--- START ---
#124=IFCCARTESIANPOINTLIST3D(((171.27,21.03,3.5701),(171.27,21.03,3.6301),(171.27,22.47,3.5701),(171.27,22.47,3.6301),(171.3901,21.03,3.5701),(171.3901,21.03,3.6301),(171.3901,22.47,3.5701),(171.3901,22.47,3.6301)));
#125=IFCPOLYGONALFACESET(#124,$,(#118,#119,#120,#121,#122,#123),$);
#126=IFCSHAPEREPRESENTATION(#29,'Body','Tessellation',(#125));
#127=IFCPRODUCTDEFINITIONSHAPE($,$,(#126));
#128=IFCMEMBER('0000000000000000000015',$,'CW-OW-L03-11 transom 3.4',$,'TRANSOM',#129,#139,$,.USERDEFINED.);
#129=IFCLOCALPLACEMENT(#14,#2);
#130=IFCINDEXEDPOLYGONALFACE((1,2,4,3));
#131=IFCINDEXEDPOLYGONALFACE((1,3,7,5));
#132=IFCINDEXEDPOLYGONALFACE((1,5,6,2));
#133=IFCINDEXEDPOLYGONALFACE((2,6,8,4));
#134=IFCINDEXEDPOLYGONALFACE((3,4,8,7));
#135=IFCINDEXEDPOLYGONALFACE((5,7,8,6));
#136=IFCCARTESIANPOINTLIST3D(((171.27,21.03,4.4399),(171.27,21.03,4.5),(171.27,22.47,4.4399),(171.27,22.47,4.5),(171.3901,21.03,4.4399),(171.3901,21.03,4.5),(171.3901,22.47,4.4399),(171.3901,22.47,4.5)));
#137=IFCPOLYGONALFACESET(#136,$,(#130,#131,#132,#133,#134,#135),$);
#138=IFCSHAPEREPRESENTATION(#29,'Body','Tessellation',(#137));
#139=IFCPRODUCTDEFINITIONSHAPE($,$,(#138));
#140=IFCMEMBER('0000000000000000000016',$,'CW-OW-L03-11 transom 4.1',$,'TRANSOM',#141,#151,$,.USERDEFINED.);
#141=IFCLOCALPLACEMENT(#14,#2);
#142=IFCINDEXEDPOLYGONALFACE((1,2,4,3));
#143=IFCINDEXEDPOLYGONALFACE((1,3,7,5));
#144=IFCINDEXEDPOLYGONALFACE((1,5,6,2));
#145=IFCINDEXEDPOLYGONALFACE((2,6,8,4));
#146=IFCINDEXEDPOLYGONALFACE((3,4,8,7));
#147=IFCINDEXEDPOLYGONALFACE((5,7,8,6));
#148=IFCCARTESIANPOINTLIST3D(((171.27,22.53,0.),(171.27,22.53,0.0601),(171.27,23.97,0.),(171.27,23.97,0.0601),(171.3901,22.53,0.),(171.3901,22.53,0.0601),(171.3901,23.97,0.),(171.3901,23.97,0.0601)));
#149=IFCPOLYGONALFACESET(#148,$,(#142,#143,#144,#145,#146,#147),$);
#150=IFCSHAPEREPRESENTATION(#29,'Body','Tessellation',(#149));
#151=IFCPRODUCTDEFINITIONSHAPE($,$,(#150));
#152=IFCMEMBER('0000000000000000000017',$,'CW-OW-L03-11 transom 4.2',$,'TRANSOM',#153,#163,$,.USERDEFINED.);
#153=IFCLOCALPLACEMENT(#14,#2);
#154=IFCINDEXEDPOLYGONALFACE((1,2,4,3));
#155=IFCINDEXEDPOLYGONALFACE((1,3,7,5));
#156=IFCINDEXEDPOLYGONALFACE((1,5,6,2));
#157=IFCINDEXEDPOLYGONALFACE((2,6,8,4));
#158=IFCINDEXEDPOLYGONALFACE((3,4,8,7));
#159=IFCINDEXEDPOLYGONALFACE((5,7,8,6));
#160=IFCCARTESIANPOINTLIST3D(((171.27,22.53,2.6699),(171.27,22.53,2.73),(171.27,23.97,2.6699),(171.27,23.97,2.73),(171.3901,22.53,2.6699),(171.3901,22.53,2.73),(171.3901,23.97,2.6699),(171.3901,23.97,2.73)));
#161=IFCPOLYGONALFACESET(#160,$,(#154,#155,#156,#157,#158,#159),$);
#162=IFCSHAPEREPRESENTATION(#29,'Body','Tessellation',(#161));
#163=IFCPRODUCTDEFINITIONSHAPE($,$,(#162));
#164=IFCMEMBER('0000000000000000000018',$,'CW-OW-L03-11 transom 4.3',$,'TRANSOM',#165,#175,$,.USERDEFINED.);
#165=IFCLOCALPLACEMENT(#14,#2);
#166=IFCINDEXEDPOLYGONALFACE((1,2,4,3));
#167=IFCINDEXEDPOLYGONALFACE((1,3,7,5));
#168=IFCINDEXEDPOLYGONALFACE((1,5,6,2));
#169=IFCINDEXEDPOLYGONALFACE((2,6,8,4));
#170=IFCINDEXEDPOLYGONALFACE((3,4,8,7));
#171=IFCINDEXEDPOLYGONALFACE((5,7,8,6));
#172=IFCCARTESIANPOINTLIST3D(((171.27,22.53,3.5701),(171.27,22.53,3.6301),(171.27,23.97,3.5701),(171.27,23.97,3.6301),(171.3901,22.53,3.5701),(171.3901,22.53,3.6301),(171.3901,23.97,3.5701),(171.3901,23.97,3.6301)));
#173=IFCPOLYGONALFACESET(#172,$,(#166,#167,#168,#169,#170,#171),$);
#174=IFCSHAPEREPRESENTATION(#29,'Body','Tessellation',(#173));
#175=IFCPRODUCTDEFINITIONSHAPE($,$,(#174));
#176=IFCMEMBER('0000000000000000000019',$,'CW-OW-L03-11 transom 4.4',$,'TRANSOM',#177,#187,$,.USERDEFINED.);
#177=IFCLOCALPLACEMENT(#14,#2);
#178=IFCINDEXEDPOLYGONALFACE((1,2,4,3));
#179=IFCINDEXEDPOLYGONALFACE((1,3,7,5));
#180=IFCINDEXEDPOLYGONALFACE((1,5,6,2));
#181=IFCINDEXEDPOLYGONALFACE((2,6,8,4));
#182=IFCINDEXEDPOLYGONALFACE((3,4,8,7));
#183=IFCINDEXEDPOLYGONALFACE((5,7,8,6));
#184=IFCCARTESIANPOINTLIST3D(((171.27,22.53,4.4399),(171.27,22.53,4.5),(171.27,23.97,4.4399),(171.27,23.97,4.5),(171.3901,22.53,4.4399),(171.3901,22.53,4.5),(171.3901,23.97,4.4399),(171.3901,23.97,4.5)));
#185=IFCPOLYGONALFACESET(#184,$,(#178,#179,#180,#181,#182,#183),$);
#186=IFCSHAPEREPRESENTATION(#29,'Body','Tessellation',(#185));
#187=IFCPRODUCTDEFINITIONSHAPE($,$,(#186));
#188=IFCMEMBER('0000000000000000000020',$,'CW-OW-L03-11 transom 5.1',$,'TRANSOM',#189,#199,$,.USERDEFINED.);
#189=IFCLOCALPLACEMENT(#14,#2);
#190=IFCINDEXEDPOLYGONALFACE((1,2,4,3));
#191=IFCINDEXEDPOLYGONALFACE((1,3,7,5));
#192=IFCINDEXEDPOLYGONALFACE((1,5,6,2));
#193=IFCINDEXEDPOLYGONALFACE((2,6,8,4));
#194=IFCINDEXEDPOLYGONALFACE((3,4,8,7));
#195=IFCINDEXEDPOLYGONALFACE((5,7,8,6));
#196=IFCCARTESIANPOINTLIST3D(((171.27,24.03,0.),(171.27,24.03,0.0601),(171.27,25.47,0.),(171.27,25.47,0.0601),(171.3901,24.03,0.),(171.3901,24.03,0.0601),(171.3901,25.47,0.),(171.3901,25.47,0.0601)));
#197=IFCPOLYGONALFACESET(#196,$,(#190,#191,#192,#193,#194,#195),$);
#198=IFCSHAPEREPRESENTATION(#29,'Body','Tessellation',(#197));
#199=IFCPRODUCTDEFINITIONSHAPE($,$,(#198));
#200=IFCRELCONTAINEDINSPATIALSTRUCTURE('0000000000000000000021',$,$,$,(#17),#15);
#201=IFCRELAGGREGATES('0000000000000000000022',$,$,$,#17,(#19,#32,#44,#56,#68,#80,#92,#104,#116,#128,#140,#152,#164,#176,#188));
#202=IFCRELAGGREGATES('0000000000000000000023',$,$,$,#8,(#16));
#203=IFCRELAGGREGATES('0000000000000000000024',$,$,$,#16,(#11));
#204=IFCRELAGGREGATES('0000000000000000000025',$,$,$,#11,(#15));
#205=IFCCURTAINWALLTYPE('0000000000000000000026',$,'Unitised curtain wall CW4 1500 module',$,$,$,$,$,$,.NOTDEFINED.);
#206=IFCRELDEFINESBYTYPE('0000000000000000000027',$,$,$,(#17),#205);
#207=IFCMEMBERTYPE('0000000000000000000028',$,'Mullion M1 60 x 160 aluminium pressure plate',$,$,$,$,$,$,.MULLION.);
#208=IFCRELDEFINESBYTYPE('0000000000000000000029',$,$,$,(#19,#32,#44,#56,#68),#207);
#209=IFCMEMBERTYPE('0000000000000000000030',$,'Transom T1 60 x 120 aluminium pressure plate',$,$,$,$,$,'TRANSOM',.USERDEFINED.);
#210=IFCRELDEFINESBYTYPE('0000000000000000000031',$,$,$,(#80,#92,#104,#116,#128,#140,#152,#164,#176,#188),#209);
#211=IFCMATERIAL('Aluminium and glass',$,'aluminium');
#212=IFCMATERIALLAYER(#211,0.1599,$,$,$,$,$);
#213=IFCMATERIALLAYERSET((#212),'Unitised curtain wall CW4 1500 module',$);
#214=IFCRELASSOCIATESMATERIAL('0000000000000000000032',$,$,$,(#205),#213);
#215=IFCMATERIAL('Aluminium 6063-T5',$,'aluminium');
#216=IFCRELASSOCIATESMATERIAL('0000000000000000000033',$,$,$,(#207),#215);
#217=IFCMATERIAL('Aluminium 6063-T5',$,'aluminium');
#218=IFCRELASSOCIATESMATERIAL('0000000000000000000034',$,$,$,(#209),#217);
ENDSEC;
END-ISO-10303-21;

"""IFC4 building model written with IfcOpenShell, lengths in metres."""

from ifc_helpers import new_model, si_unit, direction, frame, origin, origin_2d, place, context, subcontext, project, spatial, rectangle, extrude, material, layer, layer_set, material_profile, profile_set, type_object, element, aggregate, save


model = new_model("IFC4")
--- END ---
Set down, exactly as written, each line of the data from its opening line through the one containing "#126=IFCSHAPEREPRESENTATION(#29,'Body','Tessellation',(#125));". Output nothing more.

Output of the exercise —
#124=IFCCARTESIANPOINTLIST3D(((171.27,21.03,3.5701),(171.27,21.03,3.6301),(171.27,22.47,3.5701),(171.27,22.47,3.6301),(171.3901,21.03,3.5701),(171.3901,21.03,3.6301),(171.3901,22.47,3.5701),(171.3901,22.47,3.6301)));
#125=IFCPOLYGONALFACESET(#124,$,(#118,#119,#120,#121,#122,#123),$);
#126=IFCSHAPEREPRESENTATION(#29,'Body','Tessellation',(#125));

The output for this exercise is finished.